• _PROBLEM_: Only lines containing the string "IFCMATERIAL" belong in the answer; copy all of them from the entries.

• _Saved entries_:
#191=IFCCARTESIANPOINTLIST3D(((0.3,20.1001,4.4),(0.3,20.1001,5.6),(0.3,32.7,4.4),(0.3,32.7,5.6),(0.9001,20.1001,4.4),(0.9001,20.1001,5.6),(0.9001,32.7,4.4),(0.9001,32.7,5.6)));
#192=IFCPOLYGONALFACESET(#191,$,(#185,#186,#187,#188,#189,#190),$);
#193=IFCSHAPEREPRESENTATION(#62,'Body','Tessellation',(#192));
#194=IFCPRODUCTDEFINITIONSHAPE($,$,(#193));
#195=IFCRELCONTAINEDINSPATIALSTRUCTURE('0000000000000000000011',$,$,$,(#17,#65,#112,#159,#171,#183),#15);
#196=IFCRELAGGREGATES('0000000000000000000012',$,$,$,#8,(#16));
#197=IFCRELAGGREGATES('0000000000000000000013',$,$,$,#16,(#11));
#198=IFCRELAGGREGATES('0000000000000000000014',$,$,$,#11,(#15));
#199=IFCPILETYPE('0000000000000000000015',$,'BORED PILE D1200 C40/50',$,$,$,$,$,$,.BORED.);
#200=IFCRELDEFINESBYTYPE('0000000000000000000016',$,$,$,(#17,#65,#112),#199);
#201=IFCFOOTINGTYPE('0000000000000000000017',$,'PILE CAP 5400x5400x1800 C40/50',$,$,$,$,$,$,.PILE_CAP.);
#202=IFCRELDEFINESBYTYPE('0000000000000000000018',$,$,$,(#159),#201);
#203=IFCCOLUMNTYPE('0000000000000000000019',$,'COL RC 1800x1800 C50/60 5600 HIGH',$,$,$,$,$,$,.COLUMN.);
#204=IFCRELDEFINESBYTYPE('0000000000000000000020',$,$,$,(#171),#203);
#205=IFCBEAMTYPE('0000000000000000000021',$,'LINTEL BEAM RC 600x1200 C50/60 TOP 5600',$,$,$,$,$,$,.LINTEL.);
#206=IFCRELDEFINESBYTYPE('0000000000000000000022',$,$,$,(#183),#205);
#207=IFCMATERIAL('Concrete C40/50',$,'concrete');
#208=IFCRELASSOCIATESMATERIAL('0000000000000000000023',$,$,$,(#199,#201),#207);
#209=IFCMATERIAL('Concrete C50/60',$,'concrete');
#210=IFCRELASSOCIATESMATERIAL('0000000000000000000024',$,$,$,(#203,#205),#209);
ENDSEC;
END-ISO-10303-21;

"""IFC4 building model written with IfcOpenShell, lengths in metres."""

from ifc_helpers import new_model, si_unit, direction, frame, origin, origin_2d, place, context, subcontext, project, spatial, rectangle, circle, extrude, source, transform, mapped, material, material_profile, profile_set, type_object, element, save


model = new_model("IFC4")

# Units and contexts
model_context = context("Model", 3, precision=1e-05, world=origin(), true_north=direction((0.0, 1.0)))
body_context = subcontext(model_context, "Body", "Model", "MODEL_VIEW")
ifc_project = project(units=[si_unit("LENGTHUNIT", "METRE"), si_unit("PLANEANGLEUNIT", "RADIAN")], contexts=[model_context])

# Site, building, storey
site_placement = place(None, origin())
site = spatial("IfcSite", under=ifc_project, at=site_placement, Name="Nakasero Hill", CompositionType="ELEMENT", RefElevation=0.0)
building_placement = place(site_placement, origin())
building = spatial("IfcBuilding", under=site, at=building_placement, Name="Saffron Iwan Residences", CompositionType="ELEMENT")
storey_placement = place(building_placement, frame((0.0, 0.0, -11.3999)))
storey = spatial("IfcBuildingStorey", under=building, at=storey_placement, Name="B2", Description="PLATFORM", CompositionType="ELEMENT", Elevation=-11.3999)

• _RESPONSE_:
#207=IFCMATERIAL('Concrete C40/50',$,'concrete');
#209=IFCMATERIAL('Concrete C50/60',$,'concrete');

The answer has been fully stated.